→ **SOURCE DATA**:
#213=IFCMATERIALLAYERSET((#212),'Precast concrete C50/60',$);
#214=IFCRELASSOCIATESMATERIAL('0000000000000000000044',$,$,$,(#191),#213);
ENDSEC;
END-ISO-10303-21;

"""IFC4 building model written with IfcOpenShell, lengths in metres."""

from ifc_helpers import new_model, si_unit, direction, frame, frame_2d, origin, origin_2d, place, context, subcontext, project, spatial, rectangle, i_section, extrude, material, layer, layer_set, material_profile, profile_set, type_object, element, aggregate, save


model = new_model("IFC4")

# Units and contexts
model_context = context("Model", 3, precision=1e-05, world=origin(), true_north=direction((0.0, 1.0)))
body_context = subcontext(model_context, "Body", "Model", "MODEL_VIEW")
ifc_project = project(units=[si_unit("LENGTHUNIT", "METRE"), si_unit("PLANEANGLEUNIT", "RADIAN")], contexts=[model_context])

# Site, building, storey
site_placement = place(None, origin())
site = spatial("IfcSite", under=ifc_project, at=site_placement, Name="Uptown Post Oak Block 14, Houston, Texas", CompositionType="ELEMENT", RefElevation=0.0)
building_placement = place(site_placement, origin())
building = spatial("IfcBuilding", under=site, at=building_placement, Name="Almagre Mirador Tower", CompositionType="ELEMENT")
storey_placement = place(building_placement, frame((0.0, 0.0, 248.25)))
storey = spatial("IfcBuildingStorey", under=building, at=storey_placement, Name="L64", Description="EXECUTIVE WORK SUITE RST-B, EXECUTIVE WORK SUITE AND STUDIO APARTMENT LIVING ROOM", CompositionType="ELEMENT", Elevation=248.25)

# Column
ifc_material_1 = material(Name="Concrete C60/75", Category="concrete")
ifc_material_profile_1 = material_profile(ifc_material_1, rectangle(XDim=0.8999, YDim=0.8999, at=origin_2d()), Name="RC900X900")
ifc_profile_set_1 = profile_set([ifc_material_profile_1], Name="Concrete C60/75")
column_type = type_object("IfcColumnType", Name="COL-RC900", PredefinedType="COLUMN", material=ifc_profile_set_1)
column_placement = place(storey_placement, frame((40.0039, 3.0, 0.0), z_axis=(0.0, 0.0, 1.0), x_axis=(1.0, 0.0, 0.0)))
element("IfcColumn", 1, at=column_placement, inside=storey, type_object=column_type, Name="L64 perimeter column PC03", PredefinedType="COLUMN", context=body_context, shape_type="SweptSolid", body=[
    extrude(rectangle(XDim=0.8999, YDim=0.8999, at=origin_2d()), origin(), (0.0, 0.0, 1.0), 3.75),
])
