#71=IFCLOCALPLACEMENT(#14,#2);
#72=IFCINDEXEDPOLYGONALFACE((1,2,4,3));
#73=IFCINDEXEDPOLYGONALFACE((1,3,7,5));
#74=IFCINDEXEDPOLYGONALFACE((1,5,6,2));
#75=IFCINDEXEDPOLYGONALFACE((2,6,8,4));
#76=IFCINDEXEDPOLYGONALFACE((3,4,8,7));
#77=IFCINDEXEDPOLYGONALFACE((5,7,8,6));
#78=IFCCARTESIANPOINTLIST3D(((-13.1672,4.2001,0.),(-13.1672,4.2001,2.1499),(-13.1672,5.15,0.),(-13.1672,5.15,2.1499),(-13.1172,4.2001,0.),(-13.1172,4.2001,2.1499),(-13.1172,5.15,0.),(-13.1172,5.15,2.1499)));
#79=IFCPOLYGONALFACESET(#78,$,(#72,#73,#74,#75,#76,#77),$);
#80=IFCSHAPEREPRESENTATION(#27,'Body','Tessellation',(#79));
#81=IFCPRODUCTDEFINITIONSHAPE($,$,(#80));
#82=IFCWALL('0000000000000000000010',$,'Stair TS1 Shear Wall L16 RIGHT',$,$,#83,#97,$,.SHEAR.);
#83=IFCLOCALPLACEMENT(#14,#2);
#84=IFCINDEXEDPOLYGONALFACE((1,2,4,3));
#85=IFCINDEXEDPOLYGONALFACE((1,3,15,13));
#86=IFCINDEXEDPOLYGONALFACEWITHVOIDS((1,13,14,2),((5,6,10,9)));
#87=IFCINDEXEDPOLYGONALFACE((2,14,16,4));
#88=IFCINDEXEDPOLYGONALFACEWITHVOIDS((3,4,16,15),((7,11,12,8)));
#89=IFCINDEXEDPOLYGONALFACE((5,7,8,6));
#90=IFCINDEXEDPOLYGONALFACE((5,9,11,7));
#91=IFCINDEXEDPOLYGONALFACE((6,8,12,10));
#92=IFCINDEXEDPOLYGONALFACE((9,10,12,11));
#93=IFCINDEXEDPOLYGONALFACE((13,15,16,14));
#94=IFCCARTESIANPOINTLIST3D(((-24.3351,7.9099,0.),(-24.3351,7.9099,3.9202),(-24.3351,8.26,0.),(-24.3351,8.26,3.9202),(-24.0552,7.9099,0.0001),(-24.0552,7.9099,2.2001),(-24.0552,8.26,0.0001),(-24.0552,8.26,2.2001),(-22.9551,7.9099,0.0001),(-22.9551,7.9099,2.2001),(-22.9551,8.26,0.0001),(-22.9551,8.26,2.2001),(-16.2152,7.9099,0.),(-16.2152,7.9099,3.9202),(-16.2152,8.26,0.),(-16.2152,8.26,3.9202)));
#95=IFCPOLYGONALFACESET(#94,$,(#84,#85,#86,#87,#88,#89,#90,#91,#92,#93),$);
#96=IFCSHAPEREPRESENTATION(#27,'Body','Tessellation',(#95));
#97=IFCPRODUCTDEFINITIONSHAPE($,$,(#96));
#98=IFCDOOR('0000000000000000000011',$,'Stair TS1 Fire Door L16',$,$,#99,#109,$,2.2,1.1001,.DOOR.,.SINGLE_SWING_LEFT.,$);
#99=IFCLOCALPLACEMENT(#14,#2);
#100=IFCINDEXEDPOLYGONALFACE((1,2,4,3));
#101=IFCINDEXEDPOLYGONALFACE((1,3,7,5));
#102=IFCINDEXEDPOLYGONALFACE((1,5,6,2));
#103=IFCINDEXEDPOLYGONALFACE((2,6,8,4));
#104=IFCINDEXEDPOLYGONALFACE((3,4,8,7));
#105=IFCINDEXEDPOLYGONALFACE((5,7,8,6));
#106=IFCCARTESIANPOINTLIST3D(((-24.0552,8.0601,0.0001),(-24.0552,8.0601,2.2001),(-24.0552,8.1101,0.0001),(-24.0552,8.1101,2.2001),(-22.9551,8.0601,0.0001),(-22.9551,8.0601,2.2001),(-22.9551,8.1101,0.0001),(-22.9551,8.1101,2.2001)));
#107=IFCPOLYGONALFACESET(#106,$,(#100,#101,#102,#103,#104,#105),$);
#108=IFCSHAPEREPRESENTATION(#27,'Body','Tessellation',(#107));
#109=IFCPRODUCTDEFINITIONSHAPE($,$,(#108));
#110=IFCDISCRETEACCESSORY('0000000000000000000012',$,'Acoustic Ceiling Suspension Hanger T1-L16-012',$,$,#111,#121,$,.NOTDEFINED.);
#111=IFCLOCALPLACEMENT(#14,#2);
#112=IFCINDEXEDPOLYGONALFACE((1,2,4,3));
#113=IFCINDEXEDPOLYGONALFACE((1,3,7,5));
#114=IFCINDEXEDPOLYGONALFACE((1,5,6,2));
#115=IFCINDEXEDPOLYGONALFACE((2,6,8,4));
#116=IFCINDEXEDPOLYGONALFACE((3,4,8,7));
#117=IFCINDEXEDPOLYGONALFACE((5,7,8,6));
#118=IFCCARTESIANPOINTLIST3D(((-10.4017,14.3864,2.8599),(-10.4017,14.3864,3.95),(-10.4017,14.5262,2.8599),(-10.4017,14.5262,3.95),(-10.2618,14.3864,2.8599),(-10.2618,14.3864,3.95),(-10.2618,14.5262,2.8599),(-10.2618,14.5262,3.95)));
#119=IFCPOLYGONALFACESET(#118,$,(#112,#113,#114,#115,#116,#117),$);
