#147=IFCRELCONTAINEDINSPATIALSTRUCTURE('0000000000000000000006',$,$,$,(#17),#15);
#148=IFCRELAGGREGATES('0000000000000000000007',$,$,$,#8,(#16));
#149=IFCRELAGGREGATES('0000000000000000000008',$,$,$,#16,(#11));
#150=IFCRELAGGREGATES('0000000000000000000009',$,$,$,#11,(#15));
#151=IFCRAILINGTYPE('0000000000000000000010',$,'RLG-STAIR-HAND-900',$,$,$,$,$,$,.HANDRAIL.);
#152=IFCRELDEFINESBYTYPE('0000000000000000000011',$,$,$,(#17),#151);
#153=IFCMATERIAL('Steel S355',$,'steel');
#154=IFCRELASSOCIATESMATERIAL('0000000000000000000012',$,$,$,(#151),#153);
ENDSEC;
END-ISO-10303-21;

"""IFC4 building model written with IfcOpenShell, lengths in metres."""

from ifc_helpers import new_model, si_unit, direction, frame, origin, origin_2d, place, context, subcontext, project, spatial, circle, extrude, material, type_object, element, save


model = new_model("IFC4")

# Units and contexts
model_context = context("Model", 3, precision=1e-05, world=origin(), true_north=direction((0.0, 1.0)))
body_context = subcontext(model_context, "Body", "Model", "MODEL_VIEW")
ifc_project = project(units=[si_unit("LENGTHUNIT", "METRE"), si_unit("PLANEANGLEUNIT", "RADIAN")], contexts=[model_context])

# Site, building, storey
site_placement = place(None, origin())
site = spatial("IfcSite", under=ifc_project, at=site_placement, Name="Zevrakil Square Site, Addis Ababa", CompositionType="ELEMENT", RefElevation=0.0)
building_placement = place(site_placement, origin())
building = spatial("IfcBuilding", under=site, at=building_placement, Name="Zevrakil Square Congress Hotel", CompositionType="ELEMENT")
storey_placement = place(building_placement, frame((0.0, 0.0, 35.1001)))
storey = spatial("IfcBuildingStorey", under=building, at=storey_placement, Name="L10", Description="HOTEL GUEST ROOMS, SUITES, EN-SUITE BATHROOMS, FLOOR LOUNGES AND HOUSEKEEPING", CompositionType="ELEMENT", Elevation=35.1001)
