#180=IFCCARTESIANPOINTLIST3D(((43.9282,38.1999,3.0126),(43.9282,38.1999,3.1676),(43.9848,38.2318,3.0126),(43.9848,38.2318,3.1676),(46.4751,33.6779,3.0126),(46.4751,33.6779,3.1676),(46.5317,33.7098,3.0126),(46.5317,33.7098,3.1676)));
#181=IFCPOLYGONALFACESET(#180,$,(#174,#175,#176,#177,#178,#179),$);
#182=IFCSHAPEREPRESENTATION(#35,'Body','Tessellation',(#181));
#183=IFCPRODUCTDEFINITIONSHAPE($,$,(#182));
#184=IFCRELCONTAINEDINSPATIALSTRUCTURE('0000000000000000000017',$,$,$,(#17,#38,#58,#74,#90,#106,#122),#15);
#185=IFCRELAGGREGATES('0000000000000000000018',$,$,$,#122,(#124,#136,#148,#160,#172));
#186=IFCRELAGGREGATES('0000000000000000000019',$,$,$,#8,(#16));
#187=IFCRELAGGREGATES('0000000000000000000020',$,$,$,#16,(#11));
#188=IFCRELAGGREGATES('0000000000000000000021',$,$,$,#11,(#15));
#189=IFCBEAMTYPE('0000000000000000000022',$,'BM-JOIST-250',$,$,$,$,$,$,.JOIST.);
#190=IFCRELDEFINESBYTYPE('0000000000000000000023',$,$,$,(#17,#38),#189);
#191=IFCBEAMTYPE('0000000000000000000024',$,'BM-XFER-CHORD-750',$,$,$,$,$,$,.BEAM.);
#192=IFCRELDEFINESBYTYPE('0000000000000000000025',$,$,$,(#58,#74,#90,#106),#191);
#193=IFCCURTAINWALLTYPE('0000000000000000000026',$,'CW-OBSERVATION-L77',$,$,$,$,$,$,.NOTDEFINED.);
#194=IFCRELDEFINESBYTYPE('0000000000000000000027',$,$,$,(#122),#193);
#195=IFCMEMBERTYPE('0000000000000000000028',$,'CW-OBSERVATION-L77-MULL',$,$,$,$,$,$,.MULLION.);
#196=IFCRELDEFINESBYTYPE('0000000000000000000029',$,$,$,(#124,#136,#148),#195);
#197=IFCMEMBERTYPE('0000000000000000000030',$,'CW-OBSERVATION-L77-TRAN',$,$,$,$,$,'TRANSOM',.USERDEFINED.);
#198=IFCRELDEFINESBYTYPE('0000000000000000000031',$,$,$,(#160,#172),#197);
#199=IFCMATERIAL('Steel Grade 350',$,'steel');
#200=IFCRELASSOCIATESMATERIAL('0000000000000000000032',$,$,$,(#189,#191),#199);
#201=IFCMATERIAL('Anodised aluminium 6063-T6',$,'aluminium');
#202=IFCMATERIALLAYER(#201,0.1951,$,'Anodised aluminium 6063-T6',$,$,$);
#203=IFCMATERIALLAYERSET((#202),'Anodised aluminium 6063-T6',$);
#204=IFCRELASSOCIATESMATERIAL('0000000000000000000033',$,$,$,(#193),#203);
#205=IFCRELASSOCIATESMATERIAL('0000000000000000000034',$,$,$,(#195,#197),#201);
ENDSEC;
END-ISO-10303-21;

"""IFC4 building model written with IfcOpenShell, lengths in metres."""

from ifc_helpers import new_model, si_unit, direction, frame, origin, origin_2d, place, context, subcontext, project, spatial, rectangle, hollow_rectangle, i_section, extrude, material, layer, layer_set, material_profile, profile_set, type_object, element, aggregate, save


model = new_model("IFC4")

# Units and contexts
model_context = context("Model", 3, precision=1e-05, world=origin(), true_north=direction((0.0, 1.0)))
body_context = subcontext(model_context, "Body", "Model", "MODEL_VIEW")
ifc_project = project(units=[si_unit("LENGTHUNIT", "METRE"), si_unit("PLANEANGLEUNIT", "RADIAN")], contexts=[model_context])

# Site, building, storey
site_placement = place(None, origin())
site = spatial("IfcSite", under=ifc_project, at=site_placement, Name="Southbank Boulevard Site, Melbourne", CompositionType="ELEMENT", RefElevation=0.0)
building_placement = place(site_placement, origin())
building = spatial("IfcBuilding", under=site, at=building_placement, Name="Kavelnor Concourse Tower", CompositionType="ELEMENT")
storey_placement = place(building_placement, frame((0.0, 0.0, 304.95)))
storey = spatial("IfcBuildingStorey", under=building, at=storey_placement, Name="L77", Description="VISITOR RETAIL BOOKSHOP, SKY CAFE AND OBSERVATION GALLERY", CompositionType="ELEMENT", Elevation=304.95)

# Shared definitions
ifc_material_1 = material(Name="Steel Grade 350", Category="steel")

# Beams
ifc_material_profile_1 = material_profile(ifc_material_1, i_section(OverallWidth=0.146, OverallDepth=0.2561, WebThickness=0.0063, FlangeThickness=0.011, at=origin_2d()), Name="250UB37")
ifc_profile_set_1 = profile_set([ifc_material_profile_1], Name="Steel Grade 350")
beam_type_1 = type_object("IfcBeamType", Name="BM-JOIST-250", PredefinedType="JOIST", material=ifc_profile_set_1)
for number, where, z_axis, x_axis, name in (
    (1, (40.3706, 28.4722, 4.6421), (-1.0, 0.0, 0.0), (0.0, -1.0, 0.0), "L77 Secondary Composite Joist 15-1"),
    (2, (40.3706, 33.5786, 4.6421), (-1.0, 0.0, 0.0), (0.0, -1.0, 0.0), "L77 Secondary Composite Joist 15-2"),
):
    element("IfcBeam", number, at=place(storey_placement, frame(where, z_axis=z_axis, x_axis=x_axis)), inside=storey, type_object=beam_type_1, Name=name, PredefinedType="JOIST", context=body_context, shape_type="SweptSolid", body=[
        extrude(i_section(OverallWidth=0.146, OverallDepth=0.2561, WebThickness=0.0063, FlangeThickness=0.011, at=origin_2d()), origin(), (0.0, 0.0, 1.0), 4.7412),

→ **WORK TO COMPLETE**: The range runs from the line with "frame((0.0, 0.0, 248.25)))" up to and including the line with "#82=IFCWALL('0000000000000000000010',$,'Stair TS1 Shear" in the listing above; please write out exactly those lines and nothing more.

→ **TASK RESULT**:
storey_placement = place(building_placement, frame((0.0, 0.0, 248.25)))
storey = spatial("IfcBuildingStorey", under=building, at=storey_placement, Name="L64", Description="EXECUTIVE WORK SUITE RST-B, EXECUTIVE WORK SUITE AND STUDIO APARTMENT LIVING ROOM", CompositionType="ELEMENT", Elevation=248.25)

# Column
ifc_material_1 = material(Name="Concrete C60/75", Category="concrete")
ifc_material_profile_1 = material_profile(ifc_material_1, rectangle(XDim=0.8999, YDim=0.8999, at=origin_2d()), Name="RC900X900")
ifc_profile_set_1 = profile_set([ifc_material_profile_1], Name="Concrete C60/75")
column_type = type_object("IfcColumnType", Name="COL-RC900", PredefinedType="COLUMN", material=ifc_profile_set_1)
column_placement = place(storey_placement, frame((40.0039, 3.0, 0.0), z_axis=(0.0, 0.0, 1.0), x_axis=(1.0, 0.0, 0.0)))
element("IfcColumn", 1, at=column_placement, inside=storey, type_object=column_type, Name="L64 perimeter column PC03", PredefinedType="COLUMN", context=body_context, shape_type="SweptSolid", body=[
    extrude(rectangle(XDim=0.8999, YDim=0.8999, at=origin_2d()), origin(), (0.0, 0.0, 1.0), 3.75),
])
#71=IFCLOCALPLACEMENT(#14,#2);
#72=IFCINDEXEDPOLYGONALFACE((1,2,4,3));
#73=IFCINDEXEDPOLYGONALFACE((1,3,7,5));
#74=IFCINDEXEDPOLYGONALFACE((1,5,6,2));
#75=IFCINDEXEDPOLYGONALFACE((2,6,8,4));
#76=IFCINDEXEDPOLYGONALFACE((3,4,8,7));
#77=IFCINDEXEDPOLYGONALFACE((5,7,8,6));
#78=IFCCARTESIANPOINTLIST3D(((-13.1672,4.2001,0.),(-13.1672,4.2001,2.1499),(-13.1672,5.15,0.),(-13.1672,5.15,2.1499),(-13.1172,4.2001,0.),(-13.1172,4.2001,2.1499),(-13.1172,5.15,0.),(-13.1172,5.15,2.1499)));
#79=IFCPOLYGONALFACESET(#78,$,(#72,#73,#74,#75,#76,#77),$);
#80=IFCSHAPEREPRESENTATION(#27,'Body','Tessellation',(#79));
#81=IFCPRODUCTDEFINITIONSHAPE($,$,(#80));
#82=IFCWALL('0000000000000000000010',$,'Stair TS1 Shear Wall L16 RIGHT',$,$,#83,#97,$,.SHEAR.);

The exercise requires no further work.